--- MATERIAL SHOWN Enclosed Below ---

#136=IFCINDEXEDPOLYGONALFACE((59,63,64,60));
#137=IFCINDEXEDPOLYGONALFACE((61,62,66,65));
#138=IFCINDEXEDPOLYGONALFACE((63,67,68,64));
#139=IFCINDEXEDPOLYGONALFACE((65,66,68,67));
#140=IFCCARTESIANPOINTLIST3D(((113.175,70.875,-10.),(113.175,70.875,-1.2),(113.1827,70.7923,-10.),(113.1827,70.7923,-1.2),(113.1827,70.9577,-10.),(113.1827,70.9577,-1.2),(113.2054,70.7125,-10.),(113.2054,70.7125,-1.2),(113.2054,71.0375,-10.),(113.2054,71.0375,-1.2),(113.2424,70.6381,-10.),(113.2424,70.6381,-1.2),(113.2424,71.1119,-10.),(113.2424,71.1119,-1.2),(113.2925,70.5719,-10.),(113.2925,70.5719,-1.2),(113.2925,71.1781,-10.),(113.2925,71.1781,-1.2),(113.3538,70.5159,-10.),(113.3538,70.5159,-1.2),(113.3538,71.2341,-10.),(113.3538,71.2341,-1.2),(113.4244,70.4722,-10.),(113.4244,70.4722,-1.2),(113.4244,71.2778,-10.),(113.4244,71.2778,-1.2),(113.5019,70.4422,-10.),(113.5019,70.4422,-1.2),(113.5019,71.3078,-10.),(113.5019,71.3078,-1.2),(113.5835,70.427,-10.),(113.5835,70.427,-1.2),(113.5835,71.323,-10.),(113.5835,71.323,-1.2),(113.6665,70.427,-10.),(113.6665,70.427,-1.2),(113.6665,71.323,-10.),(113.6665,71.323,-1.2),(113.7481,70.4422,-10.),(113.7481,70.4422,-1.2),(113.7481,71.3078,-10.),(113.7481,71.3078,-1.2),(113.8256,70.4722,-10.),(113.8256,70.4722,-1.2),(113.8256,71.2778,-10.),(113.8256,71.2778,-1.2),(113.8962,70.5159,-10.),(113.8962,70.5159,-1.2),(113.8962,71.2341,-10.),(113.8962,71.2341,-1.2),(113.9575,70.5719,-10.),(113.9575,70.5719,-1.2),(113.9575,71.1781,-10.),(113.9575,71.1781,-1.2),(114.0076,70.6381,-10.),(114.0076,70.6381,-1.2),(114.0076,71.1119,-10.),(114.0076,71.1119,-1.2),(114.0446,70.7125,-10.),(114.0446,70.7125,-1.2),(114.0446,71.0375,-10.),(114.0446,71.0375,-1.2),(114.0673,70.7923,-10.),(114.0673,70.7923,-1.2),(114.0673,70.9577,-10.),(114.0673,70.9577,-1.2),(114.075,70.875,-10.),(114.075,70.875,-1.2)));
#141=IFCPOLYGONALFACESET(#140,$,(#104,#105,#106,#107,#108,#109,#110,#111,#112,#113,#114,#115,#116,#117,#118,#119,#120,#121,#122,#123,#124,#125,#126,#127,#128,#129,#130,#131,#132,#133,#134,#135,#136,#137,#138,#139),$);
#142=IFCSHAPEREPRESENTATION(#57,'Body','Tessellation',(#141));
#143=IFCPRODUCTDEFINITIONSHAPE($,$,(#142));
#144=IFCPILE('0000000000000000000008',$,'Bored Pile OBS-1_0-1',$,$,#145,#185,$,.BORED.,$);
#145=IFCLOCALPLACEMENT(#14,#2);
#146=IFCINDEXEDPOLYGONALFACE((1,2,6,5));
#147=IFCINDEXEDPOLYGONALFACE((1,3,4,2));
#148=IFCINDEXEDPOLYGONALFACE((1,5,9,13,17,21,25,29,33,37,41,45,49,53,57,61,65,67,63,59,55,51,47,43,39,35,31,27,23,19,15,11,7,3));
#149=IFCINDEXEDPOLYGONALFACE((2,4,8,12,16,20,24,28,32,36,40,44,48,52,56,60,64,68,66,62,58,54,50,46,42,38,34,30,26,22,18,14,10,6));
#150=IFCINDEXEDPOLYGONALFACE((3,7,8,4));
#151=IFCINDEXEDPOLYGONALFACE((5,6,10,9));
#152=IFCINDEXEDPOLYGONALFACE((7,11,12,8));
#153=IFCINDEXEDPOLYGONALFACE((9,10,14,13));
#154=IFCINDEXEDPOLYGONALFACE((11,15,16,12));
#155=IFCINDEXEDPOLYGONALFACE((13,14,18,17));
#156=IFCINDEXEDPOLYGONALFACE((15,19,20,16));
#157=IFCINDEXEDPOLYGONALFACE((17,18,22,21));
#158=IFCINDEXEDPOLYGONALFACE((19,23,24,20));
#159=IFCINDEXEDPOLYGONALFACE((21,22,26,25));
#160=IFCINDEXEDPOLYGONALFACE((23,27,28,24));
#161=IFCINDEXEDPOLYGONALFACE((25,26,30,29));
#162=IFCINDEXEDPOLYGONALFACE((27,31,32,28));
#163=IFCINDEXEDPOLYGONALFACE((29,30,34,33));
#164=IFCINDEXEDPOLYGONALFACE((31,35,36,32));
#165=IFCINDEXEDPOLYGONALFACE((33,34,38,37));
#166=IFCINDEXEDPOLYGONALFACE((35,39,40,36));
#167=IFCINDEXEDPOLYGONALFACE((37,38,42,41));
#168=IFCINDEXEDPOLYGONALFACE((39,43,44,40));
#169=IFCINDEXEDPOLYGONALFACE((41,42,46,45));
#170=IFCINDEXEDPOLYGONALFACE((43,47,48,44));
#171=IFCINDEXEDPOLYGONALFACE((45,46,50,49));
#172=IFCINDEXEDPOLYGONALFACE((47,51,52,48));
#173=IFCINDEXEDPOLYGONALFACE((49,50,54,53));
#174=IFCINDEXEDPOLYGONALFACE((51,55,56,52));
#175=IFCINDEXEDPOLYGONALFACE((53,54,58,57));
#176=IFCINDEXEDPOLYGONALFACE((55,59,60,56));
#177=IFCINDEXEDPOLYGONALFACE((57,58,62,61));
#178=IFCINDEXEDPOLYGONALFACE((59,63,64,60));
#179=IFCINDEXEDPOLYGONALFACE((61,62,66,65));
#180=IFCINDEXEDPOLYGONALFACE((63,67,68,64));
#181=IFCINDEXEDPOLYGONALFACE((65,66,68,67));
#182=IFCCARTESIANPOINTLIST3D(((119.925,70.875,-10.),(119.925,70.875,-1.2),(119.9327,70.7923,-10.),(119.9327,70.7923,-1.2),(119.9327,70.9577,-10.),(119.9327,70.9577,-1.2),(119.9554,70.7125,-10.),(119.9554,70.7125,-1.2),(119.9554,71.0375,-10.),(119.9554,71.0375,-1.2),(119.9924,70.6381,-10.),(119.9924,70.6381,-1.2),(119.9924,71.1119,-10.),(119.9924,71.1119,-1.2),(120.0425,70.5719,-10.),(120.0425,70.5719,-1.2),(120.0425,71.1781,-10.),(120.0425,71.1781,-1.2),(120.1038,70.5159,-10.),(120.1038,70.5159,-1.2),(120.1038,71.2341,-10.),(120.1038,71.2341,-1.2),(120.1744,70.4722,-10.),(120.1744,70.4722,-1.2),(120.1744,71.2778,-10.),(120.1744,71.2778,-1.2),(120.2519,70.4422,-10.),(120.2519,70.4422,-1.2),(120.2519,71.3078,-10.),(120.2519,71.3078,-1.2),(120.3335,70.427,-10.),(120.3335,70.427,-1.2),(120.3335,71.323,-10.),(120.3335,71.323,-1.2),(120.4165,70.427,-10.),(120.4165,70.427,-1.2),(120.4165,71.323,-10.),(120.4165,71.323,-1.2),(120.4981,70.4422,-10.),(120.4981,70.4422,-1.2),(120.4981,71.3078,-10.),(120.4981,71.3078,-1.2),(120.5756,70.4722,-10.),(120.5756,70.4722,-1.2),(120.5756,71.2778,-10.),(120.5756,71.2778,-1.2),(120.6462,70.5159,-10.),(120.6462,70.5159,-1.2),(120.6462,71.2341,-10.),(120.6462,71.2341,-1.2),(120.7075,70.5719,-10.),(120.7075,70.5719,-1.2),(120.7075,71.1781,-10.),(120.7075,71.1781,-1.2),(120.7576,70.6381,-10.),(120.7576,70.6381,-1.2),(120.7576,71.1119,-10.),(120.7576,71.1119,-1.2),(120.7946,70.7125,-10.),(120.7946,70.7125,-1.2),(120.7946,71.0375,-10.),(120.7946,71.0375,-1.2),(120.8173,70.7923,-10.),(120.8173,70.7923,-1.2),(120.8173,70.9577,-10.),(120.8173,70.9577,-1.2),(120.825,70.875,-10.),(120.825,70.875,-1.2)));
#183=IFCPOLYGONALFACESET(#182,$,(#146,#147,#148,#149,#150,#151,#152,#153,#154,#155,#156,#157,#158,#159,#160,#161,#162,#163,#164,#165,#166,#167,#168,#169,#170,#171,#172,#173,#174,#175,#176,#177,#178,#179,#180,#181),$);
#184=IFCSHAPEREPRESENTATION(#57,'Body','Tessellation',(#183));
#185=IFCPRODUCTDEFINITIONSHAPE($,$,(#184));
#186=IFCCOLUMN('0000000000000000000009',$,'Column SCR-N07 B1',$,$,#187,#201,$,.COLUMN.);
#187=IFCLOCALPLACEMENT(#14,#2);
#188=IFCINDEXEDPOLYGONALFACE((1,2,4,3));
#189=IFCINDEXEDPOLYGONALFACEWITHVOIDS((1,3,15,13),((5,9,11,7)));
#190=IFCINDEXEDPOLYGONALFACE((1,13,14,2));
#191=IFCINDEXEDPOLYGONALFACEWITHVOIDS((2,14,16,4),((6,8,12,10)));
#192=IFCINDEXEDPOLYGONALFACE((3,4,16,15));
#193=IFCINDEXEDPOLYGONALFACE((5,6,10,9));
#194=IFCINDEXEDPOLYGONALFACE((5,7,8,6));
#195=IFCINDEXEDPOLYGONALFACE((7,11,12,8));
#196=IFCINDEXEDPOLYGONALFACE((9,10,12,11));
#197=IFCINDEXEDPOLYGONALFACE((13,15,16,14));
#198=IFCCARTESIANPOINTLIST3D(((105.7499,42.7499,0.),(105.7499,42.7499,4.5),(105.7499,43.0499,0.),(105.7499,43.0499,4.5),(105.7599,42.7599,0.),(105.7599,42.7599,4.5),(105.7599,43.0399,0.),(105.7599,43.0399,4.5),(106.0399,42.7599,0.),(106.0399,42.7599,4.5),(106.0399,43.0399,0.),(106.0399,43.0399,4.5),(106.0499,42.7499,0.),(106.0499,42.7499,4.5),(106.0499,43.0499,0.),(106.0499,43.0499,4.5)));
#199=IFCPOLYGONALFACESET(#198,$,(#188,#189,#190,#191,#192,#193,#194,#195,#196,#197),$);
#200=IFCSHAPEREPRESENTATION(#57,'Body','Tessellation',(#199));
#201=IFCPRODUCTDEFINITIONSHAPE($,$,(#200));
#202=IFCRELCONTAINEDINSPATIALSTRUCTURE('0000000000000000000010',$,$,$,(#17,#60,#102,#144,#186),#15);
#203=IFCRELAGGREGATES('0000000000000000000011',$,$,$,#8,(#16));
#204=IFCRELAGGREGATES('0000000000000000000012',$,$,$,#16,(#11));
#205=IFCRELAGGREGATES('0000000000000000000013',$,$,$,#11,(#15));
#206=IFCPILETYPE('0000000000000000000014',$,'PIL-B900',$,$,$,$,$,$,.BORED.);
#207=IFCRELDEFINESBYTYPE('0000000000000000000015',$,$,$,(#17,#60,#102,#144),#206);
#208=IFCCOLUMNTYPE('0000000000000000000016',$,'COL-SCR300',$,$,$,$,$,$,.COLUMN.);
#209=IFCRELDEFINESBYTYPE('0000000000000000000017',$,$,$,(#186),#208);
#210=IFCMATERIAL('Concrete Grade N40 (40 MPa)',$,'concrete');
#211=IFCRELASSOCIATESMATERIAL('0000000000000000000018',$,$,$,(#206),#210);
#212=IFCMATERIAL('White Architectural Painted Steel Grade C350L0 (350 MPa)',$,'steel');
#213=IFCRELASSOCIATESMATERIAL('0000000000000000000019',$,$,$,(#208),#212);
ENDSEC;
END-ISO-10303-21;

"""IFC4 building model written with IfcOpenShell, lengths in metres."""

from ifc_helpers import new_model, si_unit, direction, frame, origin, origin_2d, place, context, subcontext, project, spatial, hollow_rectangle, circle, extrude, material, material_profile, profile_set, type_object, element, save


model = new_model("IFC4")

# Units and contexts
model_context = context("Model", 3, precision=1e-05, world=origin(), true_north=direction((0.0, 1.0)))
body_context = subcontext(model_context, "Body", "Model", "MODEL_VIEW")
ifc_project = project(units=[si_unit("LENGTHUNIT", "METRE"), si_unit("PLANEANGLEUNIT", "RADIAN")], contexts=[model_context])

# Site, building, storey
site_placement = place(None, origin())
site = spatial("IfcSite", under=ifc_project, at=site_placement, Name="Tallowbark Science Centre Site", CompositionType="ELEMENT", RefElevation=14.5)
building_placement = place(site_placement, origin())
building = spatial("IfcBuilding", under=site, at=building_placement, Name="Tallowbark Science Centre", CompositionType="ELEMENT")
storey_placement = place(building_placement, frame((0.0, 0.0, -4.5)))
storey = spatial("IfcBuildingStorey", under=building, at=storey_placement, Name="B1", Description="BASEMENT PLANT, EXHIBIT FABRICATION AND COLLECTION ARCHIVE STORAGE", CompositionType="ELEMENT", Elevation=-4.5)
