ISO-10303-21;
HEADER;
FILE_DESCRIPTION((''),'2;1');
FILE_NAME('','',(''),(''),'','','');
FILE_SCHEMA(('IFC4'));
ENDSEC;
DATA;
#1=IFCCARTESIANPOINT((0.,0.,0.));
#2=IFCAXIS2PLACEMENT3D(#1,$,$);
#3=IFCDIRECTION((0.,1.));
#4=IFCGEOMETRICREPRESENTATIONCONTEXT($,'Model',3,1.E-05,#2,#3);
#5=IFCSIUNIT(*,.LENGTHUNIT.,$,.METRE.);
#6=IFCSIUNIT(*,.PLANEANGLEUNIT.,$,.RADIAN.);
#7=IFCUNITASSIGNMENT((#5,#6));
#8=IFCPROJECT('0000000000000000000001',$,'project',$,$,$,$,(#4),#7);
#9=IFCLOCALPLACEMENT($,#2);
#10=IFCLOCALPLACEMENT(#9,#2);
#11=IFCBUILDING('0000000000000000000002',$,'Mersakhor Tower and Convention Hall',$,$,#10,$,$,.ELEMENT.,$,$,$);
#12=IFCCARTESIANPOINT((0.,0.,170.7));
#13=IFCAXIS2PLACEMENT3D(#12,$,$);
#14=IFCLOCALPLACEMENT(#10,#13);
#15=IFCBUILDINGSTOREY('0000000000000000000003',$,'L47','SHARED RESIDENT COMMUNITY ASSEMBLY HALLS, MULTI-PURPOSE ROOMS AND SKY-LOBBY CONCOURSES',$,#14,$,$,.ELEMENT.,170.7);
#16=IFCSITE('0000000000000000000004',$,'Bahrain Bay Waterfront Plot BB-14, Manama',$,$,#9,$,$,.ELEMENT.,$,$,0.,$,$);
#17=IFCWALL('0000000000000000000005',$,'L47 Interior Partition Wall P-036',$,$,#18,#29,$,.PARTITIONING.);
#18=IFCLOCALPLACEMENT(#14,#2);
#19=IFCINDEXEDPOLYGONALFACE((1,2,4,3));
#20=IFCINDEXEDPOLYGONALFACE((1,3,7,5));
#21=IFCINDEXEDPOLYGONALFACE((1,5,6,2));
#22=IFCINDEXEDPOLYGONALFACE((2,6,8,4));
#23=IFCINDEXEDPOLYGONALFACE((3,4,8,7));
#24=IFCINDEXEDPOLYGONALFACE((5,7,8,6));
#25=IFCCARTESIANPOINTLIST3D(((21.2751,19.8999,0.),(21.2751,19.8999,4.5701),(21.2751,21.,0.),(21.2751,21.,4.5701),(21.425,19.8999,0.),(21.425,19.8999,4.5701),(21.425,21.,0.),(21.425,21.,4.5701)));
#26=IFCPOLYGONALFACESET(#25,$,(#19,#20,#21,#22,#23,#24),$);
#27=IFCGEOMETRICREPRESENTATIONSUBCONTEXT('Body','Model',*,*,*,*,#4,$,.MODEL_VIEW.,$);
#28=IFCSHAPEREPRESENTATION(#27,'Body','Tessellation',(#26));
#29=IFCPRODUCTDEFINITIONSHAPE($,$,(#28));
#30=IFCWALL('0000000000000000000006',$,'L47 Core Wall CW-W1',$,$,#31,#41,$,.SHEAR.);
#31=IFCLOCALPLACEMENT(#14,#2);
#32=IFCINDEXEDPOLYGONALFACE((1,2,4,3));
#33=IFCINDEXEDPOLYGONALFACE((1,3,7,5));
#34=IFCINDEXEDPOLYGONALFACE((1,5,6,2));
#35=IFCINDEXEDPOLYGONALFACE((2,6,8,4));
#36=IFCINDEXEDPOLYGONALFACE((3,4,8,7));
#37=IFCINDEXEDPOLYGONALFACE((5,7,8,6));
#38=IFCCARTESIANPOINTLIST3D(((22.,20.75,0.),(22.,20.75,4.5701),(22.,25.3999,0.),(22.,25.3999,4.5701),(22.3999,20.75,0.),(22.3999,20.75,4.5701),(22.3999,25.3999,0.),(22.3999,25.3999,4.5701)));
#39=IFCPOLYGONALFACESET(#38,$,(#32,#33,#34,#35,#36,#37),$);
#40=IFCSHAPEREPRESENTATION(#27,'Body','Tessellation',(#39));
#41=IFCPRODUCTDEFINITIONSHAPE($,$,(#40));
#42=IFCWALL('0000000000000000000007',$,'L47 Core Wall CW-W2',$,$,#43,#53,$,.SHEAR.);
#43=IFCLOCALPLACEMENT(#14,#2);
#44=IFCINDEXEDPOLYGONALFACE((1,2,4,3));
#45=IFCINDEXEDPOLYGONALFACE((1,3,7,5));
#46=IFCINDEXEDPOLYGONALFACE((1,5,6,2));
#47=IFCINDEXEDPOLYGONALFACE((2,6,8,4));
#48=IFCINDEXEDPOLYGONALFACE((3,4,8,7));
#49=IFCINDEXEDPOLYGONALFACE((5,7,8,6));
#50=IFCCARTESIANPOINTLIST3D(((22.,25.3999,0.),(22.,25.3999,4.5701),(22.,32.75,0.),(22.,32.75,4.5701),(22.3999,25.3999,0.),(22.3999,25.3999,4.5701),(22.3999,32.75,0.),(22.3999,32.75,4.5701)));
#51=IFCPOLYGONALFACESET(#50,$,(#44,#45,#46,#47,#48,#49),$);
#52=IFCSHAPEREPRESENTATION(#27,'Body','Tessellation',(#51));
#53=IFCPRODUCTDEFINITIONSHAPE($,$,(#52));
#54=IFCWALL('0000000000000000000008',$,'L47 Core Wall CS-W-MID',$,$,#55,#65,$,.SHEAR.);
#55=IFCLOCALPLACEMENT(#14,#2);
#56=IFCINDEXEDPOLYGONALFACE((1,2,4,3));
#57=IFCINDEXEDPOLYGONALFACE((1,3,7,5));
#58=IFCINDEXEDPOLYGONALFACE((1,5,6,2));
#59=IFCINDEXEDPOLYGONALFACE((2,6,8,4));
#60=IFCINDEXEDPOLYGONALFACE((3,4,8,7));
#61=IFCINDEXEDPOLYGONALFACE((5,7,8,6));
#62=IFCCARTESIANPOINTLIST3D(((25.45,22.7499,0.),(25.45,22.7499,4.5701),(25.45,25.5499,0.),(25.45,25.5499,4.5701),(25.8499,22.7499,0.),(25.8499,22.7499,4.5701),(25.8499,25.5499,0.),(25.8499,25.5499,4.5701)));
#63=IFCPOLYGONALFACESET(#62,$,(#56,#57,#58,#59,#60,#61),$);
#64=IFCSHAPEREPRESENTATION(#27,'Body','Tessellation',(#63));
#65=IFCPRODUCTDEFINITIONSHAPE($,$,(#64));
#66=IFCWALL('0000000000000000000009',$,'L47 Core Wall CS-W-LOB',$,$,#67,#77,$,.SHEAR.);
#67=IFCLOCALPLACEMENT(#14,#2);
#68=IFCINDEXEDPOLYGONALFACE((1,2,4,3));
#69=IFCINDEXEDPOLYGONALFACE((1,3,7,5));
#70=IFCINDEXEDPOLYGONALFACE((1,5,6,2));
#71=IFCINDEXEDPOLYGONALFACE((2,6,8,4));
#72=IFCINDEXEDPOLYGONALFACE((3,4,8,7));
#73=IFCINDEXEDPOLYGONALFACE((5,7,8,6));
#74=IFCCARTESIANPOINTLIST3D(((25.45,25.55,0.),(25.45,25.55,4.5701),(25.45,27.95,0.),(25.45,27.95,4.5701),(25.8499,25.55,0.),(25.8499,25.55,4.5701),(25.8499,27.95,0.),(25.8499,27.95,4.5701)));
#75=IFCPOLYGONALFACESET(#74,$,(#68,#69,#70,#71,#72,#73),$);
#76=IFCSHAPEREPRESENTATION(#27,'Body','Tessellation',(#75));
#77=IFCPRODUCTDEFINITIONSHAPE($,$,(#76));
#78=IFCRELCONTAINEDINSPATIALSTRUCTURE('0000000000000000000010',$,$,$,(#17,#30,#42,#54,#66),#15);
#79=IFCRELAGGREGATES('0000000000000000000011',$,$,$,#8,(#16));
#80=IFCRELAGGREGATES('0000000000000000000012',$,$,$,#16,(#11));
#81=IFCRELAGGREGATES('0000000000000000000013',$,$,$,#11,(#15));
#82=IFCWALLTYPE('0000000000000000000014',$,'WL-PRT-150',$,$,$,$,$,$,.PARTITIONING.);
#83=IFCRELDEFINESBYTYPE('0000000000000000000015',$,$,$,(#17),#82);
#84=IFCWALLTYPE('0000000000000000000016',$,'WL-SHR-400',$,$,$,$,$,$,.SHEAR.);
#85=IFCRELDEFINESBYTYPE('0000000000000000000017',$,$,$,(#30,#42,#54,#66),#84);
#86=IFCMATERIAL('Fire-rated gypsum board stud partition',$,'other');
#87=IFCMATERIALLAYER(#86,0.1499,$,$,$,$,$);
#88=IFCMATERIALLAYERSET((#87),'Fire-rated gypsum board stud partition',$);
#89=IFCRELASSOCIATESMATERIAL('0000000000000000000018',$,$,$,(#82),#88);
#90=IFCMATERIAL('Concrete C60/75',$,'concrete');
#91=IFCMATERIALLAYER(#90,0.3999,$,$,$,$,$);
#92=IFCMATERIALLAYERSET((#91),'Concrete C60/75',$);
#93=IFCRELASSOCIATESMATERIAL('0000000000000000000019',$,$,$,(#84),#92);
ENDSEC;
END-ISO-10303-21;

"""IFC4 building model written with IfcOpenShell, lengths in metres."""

from ifc_helpers import new_model, si_unit, direction, frame, frame_2d, origin, place, context, subcontext, project, spatial, rectangle, extrude, material, layer, layer_set, type_object, element, save


model = new_model("IFC4")

# Units and contexts
model_context = context("Model", 3, precision=1e-05, world=origin(), true_north=direction((0.0, 1.0)))
body_context = subcontext(model_context, "Body", "Model", "MODEL_VIEW")
ifc_project = project(units=[si_unit("LENGTHUNIT", "METRE"), si_unit("PLANEANGLEUNIT", "RADIAN")], contexts=[model_context])

# Site, building, storey
site_placement = place(None, origin())
site = spatial("IfcSite", under=ifc_project, at=site_placement, Name="Bahrain Bay Waterfront Plot BB-14, Manama", CompositionType="ELEMENT", RefElevation=0.0)
building_placement = place(site_placement, origin())
building = spatial("IfcBuilding", under=site, at=building_placement, Name="Mersakhor Tower and Convention Hall", CompositionType="ELEMENT")
storey_placement = place(building_placement, frame((0.0, 0.0, 170.7)))
storey = spatial("IfcBuildingStorey", under=building, at=storey_placement, Name="L47", Description="SHARED RESIDENT COMMUNITY ASSEMBLY HALLS, MULTI-PURPOSE ROOMS AND SKY-LOBBY CONCOURSES", CompositionType="ELEMENT", Elevation=170.7)

# Wall
ifc_material_1 = material(Name="Fire-rated gypsum board stud partition", Category="other")
ifc_layer_1 = layer(ifc_material_1, 0.1499)
ifc_layer_set_1 = layer_set([ifc_layer_1], Name="Fire-rated gypsum board stud partition")
wall_type_1 = type_object("IfcWallType", Name="WL-PRT-150", PredefinedType="PARTITIONING", material=ifc_layer_set_1)
wall_1_placement = place(storey_placement, frame((21.3501, 21.0, 0.0), z_axis=(0.0, 0.0, 1.0), x_axis=(0.0, -1.0, 0.0)))
element("IfcWall", 1, at=wall_1_placement, inside=storey, type_object=wall_type_1, Name="L47 Interior Partition Wall P-036", PredefinedType="PARTITIONING", context=body_context, shape_type="SweptSolid", body=[
    extrude(rectangle(XDim=1.1001, YDim=0.1499, at=frame_2d((0.55, 0.0))), origin(), (0.0, 0.0, 1.0), 4.5701),
])

# Walls
ifc_material_2 = material(Name="Concrete C60/75", Category="concrete")
ifc_layer_2 = layer(ifc_material_2, 0.3999)
ifc_layer_set_2 = layer_set([ifc_layer_2], Name="Concrete C60/75")
wall_type_2 = type_object("IfcWallType", Name="WL-SHR-400", PredefinedType="SHEAR", material=ifc_layer_set_2)
wall_2_placement = place(storey_placement, frame((22.2, 20.75, 0.0), z_axis=(0.0, 0.0, 1.0), x_axis=(0.0, 1.0, 0.0)))
element("IfcWall", 2, at=wall_2_placement, inside=storey, type_object=wall_type_2, Name="L47 Core Wall CW-W1", PredefinedType="SHEAR", context=body_context, shape_type="SweptSolid", body=[
    extrude(rectangle(XDim=4.6499, YDim=0.3999, at=frame_2d((2.325, 0.0))), origin(), (0.0, 0.0, 1.0), 4.5701),
])
wall_3_placement = place(storey_placement, frame((22.2, 25.3999, 0.0), z_axis=(0.0, 0.0, 1.0), x_axis=(0.0, 1.0, 0.0)))
element("IfcWall", 3, at=wall_3_placement, inside=storey, type_object=wall_type_2, Name="L47 Core Wall CW-W2", PredefinedType="SHEAR", context=body_context, shape_type="SweptSolid", body=[
    extrude(rectangle(XDim=7.3501, YDim=0.3999, at=frame_2d((3.675, 0.0))), origin(), (0.0, 0.0, 1.0), 4.5701),
])

# Walls
wall_4_placement = place(storey_placement, frame((25.6499, 22.75, 0.0), z_axis=(0.0, 0.0, 1.0), x_axis=(0.0, 1.0, 0.0)))
element("IfcWall", 4, at=wall_4_placement, inside=storey, type_object=wall_type_2, Name="L47 Core Wall CS-W-MID", PredefinedType="SHEAR", context=body_context, shape_type="SweptSolid", body=[
    extrude(rectangle(XDim=2.8, YDim=0.3999, at=frame_2d((1.3999, 0.0))), origin(), (0.0, 0.0, 1.0), 4.5701),
])
wall_5_placement = place(storey_placement, frame((25.6499, 25.55, 0.0), z_axis=(0.0, 0.0, 1.0), x_axis=(0.0, 1.0, 0.0)))
element("IfcWall", 5, at=wall_5_placement, inside=storey, type_object=wall_type_2, Name="L47 Core Wall CS-W-LOB", PredefinedType="SHEAR", context=body_context, shape_type="SweptSolid", body=[
    extrude(rectangle(XDim=2.3999, YDim=0.3999, at=frame_2d((1.2, 0.0))), origin(), (0.0, 0.0, 1.0), 4.5701),
])

save(model, "model.ifc")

--- End of Enclosed MATERIAL SHOWN ---

§ **WHAT THIS TASK INVOLVES**: Each line in the entries above that includes the string "COLUMN" adds to the count; state that count only.

§ **SOLUTION FOR THIS PROBLEM**: 2